Dataset records
▶

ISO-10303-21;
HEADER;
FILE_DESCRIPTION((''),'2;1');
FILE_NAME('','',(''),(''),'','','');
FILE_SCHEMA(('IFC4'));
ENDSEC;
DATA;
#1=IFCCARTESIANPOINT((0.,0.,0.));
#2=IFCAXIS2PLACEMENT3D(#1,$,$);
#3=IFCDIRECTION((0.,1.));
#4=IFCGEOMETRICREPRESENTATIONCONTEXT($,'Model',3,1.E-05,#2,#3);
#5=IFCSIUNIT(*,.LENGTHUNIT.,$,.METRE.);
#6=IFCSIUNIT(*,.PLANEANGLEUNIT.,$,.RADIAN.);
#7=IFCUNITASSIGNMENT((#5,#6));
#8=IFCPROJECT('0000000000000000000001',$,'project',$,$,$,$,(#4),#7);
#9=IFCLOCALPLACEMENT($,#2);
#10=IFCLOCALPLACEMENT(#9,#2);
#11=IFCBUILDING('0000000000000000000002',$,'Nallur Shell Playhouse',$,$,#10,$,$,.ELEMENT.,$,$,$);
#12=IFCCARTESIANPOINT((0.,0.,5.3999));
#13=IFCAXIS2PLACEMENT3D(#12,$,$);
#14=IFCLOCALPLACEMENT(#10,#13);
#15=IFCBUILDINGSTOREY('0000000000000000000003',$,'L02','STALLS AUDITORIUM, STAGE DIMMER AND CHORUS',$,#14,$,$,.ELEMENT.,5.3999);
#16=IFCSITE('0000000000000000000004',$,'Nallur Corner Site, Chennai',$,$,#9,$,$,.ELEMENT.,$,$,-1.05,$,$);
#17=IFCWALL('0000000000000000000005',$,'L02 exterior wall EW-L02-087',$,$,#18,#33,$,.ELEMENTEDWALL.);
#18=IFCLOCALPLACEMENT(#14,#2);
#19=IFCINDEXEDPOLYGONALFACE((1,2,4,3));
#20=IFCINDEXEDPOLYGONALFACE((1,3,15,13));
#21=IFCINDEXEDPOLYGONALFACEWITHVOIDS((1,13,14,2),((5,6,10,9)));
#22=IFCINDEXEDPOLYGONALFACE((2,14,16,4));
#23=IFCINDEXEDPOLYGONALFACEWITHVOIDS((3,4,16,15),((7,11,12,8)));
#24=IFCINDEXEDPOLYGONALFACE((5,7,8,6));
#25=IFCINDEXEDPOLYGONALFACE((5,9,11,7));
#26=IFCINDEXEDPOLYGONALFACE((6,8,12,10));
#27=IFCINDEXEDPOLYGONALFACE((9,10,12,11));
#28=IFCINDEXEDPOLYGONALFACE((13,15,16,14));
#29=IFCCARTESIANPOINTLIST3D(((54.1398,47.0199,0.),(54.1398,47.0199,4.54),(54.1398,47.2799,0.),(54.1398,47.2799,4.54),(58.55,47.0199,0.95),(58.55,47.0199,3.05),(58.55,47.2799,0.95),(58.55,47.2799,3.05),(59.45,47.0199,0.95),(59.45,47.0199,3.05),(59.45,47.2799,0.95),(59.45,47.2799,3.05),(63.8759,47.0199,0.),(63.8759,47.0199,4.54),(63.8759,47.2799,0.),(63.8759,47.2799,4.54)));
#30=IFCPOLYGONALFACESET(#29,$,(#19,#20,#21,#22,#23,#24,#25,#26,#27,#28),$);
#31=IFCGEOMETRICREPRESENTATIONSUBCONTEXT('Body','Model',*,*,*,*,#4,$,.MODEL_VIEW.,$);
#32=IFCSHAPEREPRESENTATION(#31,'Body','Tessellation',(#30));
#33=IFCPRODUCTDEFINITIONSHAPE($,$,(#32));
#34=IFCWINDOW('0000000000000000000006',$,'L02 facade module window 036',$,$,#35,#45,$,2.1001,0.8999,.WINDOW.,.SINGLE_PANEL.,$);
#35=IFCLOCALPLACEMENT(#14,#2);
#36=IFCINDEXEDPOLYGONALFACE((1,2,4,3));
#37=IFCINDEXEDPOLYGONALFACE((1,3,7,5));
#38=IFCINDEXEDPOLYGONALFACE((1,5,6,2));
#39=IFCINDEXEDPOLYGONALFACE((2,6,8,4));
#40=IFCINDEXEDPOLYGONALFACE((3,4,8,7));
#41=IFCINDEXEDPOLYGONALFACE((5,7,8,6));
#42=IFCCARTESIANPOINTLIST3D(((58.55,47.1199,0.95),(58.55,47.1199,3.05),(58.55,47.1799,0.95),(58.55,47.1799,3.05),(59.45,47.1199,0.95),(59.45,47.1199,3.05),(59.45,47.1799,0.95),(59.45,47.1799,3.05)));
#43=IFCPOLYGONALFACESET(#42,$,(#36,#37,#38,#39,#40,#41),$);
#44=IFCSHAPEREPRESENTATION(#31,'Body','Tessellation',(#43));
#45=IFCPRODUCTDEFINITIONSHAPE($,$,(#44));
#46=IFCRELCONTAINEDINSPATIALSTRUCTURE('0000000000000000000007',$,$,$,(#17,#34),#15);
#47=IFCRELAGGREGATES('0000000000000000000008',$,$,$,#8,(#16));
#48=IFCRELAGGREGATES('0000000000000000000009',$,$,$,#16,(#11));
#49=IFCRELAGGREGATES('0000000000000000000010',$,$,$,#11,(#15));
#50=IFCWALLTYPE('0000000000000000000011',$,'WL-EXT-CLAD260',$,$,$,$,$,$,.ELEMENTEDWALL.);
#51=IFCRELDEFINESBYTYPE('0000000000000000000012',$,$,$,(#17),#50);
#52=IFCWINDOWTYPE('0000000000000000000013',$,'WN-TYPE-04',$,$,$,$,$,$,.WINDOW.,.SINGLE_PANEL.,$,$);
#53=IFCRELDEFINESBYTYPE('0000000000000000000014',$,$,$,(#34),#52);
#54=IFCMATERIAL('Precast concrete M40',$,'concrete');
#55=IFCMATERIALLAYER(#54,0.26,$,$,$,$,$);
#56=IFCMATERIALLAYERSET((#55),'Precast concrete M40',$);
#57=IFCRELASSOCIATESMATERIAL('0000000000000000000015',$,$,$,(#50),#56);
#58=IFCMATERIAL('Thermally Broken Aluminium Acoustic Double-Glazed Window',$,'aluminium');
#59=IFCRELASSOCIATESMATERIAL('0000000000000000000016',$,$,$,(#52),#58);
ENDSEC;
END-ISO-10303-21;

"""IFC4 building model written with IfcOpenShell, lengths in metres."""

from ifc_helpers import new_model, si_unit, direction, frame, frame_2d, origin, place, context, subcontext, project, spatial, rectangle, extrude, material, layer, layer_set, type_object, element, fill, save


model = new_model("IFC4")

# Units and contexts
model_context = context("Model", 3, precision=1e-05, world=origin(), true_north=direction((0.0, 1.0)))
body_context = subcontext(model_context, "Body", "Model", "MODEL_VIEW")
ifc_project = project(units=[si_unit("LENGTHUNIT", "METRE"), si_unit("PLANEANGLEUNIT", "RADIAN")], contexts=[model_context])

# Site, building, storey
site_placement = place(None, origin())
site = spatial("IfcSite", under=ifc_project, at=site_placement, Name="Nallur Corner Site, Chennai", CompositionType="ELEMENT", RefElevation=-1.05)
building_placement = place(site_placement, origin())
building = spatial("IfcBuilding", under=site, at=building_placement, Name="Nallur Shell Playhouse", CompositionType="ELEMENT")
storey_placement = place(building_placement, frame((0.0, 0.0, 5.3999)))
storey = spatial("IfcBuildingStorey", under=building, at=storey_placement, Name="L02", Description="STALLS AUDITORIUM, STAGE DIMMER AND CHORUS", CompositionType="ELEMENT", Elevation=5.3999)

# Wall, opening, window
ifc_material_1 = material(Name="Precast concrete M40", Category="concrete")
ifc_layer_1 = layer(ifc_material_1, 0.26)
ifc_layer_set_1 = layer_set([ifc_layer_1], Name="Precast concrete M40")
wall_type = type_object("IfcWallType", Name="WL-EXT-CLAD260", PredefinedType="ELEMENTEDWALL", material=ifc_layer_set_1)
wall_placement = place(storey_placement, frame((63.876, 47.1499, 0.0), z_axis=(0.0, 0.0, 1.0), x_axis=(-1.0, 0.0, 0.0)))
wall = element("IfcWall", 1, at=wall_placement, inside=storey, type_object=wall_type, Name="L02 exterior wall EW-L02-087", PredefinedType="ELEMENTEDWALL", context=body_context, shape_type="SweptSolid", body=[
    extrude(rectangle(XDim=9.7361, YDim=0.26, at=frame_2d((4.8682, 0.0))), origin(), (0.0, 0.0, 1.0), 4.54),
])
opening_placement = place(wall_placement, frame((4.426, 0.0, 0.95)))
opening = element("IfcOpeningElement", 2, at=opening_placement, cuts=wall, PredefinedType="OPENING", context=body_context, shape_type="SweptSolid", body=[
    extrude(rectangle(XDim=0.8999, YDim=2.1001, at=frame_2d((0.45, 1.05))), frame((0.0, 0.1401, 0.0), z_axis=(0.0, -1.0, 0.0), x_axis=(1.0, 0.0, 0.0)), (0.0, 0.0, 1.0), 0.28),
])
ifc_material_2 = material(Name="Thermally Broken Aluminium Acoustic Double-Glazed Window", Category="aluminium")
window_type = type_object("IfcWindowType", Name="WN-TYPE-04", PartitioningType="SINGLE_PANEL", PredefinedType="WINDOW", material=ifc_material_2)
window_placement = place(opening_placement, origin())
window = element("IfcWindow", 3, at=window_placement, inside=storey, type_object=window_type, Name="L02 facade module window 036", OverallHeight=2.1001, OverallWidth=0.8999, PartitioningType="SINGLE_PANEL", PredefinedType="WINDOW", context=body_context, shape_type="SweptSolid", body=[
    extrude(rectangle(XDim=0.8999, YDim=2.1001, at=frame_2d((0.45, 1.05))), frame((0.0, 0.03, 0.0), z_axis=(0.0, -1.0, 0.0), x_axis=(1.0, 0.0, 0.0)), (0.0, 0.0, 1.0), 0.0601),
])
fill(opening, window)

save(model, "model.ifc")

◀

_Work order_: The lines above, starting at the one with "#36=IFCINDEXEDPOLYGONALFACE((1,2,4,3));" and ending at the one with "#49=IFCRELAGGREGATES('0000000000000000000010',$,$,$,#11,(#15));", are the only ones to return, exactly as written.

_Exercise result_:
#36=IFCINDEXEDPOLYGONALFACE((1,2,4,3));
#37=IFCINDEXEDPOLYGONALFACE((1,3,7,5));
#38=IFCINDEXEDPOLYGONALFACE((1,5,6,2));
#39=IFCINDEXEDPOLYGONALFACE((2,6,8,4));
#40=IFCINDEXEDPOLYGONALFACE((3,4,8,7));
#41=IFCINDEXEDPOLYGONALFACE((5,7,8,6));
#42=IFCCARTESIANPOINTLIST3D(((58.55,47.1199,0.95),(58.55,47.1199,3.05),(58.55,47.1799,0.95),(58.55,47.1799,3.05),(59.45,47.1199,0.95),(59.45,47.1199,3.05),(59.45,47.1799,0.95),(59.45,47.1799,3.05)));
#43=IFCPOLYGONALFACESET(#42,$,(#36,#37,#38,#39,#40,#41),$);
#44=IFCSHAPEREPRESENTATION(#31,'Body','Tessellation',(#43));
#45=IFCPRODUCTDEFINITIONSHAPE($,$,(#44));
#46=IFCRELCONTAINEDINSPATIALSTRUCTURE('0000000000000000000007',$,$,$,(#17,#34),#15);
#47=IFCRELAGGREGATES('0000000000000000000008',$,$,$,#8,(#16));
#48=IFCRELAGGREGATES('0000000000000000000009',$,$,$,#16,(#11));
#49=IFCRELAGGREGATES('0000000000000000000010',$,$,$,#11,(#15));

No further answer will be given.